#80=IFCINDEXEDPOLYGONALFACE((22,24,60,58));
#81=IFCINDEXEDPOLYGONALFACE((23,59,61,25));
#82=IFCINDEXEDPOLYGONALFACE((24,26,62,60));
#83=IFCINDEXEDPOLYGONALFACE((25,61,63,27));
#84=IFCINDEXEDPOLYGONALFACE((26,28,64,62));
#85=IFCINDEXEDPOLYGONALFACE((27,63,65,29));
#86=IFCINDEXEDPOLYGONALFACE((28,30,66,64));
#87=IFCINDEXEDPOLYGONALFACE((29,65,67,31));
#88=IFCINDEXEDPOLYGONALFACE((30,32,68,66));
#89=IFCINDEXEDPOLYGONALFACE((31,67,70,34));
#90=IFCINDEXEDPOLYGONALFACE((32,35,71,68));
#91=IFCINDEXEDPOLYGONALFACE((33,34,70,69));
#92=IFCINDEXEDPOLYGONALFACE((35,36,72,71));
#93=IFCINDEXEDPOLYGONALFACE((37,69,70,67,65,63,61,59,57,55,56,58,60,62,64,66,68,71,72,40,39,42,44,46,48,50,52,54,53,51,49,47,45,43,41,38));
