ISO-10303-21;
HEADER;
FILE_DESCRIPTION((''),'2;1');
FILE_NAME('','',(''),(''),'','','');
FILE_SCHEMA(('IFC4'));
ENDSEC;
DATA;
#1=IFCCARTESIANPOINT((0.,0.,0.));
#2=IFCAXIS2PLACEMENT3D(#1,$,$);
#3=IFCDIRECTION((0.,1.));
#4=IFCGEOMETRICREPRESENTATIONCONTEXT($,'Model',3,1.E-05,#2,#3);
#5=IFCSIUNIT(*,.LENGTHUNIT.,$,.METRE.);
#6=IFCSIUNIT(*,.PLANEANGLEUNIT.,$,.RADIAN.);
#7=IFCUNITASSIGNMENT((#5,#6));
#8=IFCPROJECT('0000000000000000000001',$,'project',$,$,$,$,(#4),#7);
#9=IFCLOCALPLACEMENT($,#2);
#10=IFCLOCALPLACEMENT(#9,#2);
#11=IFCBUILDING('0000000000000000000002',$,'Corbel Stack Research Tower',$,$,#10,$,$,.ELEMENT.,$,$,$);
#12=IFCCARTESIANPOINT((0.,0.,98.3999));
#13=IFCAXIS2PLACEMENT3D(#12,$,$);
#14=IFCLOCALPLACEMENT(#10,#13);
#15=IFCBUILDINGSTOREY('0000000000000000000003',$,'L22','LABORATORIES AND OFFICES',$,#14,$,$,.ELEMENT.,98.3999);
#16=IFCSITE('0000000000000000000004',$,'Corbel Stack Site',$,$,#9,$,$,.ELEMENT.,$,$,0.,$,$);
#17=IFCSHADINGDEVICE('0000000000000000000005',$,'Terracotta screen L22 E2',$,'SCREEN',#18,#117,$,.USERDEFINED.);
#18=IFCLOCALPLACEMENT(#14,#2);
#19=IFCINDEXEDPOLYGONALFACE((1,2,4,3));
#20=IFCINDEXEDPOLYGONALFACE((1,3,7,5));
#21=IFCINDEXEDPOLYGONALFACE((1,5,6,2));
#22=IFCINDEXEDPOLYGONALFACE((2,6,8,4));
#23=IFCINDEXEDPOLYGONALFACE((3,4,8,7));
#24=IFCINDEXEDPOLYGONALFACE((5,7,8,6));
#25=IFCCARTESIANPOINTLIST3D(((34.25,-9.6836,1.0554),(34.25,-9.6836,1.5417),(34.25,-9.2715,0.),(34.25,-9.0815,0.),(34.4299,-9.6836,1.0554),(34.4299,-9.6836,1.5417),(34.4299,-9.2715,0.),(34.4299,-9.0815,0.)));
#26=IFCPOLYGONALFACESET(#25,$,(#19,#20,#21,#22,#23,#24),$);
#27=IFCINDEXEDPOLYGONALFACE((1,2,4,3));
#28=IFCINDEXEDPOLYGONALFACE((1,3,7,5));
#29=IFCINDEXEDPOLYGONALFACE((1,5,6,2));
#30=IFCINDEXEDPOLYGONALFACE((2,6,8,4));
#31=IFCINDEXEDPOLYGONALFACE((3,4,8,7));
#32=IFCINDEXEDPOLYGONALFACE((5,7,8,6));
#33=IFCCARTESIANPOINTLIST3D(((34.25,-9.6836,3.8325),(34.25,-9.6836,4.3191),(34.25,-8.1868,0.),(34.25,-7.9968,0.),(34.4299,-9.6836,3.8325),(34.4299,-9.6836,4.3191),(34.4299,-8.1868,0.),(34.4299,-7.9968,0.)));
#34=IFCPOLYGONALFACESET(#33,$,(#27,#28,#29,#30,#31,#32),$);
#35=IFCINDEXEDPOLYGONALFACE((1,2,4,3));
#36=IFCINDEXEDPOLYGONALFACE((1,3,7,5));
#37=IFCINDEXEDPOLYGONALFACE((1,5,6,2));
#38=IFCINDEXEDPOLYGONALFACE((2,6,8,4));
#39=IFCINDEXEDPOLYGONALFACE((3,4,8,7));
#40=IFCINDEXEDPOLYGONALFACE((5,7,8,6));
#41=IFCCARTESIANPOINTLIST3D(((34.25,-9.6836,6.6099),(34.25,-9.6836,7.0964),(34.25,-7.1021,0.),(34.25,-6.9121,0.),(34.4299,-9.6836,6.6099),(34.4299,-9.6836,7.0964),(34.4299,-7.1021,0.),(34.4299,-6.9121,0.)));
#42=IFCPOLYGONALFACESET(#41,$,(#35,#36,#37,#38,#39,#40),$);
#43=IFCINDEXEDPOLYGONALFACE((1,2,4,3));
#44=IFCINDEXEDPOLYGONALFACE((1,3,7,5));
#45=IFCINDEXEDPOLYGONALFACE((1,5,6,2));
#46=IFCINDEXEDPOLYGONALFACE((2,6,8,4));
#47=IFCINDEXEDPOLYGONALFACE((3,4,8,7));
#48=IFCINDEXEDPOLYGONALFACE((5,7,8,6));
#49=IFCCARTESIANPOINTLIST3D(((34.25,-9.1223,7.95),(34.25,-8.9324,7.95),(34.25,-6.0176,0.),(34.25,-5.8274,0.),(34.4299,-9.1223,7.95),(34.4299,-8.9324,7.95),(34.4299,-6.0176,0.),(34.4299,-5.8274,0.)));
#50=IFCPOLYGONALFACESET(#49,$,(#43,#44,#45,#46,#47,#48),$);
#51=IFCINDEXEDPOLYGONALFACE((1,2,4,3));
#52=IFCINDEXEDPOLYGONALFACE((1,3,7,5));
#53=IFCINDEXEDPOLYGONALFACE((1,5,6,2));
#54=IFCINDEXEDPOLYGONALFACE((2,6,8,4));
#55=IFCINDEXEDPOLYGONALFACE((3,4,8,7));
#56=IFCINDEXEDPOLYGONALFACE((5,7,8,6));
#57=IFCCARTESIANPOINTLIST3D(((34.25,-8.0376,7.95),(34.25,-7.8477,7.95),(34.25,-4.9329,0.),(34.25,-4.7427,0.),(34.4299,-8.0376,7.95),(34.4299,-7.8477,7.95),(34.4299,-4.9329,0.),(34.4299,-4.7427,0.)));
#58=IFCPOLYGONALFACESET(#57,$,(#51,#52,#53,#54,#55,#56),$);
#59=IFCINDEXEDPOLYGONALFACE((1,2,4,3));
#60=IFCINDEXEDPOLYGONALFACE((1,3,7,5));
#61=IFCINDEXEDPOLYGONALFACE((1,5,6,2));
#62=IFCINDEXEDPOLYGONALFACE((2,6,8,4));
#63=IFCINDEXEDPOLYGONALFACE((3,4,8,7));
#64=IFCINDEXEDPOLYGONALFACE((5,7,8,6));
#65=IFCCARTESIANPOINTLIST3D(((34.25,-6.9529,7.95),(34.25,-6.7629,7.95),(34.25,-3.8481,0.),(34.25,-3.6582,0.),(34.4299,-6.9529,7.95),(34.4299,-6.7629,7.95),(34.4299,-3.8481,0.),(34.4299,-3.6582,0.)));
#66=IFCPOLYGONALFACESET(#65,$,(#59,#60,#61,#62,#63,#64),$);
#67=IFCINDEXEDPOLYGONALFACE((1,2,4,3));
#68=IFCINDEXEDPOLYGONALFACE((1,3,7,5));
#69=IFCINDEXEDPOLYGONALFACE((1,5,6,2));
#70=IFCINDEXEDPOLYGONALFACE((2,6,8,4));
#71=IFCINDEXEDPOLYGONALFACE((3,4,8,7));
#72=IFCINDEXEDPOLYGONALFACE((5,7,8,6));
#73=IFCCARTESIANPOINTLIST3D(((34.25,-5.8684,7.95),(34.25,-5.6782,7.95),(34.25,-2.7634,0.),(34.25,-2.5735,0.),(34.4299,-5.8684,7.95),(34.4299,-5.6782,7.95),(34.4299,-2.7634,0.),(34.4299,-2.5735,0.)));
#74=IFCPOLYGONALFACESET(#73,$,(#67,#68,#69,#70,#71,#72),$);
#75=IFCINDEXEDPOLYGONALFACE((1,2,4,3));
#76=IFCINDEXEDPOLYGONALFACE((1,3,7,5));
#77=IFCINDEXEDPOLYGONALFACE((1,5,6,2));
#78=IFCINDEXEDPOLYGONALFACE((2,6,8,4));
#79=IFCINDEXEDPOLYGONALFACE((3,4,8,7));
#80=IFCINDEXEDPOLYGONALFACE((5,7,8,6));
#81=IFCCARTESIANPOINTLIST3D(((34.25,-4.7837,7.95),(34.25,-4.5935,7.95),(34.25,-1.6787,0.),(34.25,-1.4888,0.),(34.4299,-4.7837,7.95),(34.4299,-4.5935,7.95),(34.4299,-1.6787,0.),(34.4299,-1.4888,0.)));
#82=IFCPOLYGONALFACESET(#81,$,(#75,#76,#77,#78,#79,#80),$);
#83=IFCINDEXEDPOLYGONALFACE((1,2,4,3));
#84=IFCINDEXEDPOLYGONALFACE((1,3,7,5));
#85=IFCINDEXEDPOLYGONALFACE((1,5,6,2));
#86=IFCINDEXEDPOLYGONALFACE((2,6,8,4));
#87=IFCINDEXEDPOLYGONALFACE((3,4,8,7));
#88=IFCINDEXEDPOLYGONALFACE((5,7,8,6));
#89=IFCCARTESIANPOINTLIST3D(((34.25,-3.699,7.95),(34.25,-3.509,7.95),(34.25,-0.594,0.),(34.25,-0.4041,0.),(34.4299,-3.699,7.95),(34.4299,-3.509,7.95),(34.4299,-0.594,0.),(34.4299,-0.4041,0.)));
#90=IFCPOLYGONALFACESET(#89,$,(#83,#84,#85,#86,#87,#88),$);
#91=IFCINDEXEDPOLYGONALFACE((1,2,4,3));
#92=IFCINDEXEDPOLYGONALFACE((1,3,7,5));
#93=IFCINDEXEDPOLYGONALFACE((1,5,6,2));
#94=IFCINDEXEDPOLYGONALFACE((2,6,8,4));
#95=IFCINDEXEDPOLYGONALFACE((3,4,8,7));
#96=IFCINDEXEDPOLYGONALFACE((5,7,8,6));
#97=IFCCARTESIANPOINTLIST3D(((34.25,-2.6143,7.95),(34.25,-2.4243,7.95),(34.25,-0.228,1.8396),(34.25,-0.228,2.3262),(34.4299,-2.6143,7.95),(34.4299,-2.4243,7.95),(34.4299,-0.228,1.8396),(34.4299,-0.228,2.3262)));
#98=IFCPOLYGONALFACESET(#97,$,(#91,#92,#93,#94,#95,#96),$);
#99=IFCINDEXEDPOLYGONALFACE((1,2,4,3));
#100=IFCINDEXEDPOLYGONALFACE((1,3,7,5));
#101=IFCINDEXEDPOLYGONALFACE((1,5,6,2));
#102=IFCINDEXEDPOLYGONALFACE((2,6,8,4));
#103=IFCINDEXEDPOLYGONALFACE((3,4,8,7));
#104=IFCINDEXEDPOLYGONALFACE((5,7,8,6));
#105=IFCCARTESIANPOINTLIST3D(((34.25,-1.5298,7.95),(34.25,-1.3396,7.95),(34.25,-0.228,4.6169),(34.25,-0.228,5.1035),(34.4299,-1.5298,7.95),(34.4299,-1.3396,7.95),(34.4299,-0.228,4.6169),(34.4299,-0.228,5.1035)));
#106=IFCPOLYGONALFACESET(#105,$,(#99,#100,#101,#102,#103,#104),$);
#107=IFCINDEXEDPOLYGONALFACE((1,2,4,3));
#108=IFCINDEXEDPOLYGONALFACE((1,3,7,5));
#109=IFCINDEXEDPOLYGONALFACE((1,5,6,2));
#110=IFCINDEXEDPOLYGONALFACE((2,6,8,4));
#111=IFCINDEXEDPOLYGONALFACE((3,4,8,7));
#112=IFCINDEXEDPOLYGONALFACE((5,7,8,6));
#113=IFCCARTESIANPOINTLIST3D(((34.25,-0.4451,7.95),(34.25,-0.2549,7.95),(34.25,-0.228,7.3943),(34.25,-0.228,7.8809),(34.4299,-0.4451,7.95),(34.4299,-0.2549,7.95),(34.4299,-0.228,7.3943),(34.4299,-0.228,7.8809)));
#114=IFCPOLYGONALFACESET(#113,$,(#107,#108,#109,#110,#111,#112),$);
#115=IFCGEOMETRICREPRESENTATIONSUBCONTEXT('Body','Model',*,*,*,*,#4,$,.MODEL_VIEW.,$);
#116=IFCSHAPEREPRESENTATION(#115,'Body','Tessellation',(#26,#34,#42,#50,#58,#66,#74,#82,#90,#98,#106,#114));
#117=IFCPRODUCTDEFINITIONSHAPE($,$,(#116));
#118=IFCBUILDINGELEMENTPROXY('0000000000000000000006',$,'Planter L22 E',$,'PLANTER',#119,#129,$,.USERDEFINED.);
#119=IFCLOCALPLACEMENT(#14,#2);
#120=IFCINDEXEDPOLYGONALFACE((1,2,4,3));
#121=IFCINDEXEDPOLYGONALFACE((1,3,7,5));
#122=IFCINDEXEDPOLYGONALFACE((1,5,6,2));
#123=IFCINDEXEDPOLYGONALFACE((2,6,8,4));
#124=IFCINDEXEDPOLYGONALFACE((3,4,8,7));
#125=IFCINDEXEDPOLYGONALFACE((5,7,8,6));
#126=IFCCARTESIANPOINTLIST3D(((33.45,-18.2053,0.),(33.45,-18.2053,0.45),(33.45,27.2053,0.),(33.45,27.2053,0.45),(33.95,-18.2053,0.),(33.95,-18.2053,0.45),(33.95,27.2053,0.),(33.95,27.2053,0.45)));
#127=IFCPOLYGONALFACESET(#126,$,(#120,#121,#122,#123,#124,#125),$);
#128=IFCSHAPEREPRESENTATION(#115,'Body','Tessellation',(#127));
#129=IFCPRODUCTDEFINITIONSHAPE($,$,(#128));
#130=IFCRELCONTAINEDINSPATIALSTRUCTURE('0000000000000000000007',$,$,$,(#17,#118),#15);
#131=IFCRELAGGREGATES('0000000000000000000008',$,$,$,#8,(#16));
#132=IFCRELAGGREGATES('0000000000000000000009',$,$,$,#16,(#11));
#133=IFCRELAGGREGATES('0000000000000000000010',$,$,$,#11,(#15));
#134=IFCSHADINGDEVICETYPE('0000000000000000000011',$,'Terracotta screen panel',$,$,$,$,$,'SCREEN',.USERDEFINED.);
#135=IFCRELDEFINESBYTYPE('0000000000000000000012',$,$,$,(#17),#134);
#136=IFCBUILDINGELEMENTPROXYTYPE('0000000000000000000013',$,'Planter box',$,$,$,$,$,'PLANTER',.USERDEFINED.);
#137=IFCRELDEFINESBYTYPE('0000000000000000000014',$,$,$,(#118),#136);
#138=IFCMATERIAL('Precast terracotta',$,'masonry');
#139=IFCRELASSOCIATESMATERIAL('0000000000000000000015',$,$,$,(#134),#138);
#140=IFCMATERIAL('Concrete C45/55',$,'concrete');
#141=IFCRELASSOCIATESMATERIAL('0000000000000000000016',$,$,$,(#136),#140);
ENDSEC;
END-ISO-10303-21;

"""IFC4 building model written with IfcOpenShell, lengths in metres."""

from ifc_helpers import new_model, si_unit, direction, frame, origin, origin_2d, place, context, subcontext, project, spatial, polyline, rectangle, outline, extrude, source, transform, mapped, material, type_object, element, save


model = new_model("IFC4")

# Units and contexts
model_context = context("Model", 3, precision=1e-05, world=origin(), true_north=direction((0.0, 1.0)))
body_context = subcontext(model_context, "Body", "Model", "MODEL_VIEW")
ifc_project = project(units=[si_unit("LENGTHUNIT", "METRE"), si_unit("PLANEANGLEUNIT", "RADIAN")], contexts=[model_context])

# Site, building, storey
site_placement = place(None, origin())
site = spatial("IfcSite", under=ifc_project, at=site_placement, Name="Corbel Stack Site", CompositionType="ELEMENT", RefElevation=0.0)
building_placement = place(site_placement, origin())
building = spatial("IfcBuilding", under=site, at=building_placement, Name="Corbel Stack Research Tower", CompositionType="ELEMENT")
storey_placement = place(building_placement, frame((0.0, 0.0, 98.3999)))
storey = spatial("IfcBuildingStorey", under=building, at=storey_placement, Name="L22", Description="LABORATORIES AND OFFICES", CompositionType="ELEMENT", Elevation=98.3999)

# Shading device
ifc_material_1 = material(Name="Precast terracotta", Category="masonry")
shading_device_type = type_object("IfcShadingDeviceType", Name="Terracotta screen panel", ElementType="SCREEN", PredefinedType="USERDEFINED", material=ifc_material_1)
shared_shape_1 = source(origin(), body_context, "Body", "SweptSolid", [
    extrude(outline(polyline([(0.6021, 0.0), (0.0, 1.5417), (0.0, 1.0554), (0.4121, 0.0), (0.6021, 0.0)])), frame((0.0, 0.0, 0.0), z_axis=(0.0, -1.0, 0.0), x_axis=(1.0, 0.0, 0.0)), (0.0, 0.0, 1.0), 0.1799),
    extrude(outline(polyline([(1.6868, 0.0), (0.0, 4.3191), (0.0, 3.8325), (1.4968, 0.0), (1.6868, 0.0)])), frame((0.0, 0.0, 0.0), z_axis=(0.0, -1.0, 0.0), x_axis=(1.0, 0.0, 0.0)), (0.0, 0.0, 1.0), 0.1799),
    extrude(outline(polyline([(2.7715, 0.0), (0.0, 7.0964), (0.0, 6.6099), (2.5815, 0.0), (2.7715, 0.0)])), frame((0.0, 0.0, 0.0), z_axis=(0.0, -1.0, 0.0), x_axis=(1.0, 0.0, 0.0)), (0.0, 0.0, 1.0), 0.1799),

========

Your answer must be one number: how many lines of the entries hold the string "IFCSHAPEREPRESENTATION".

◆ **Reply to the task**: 2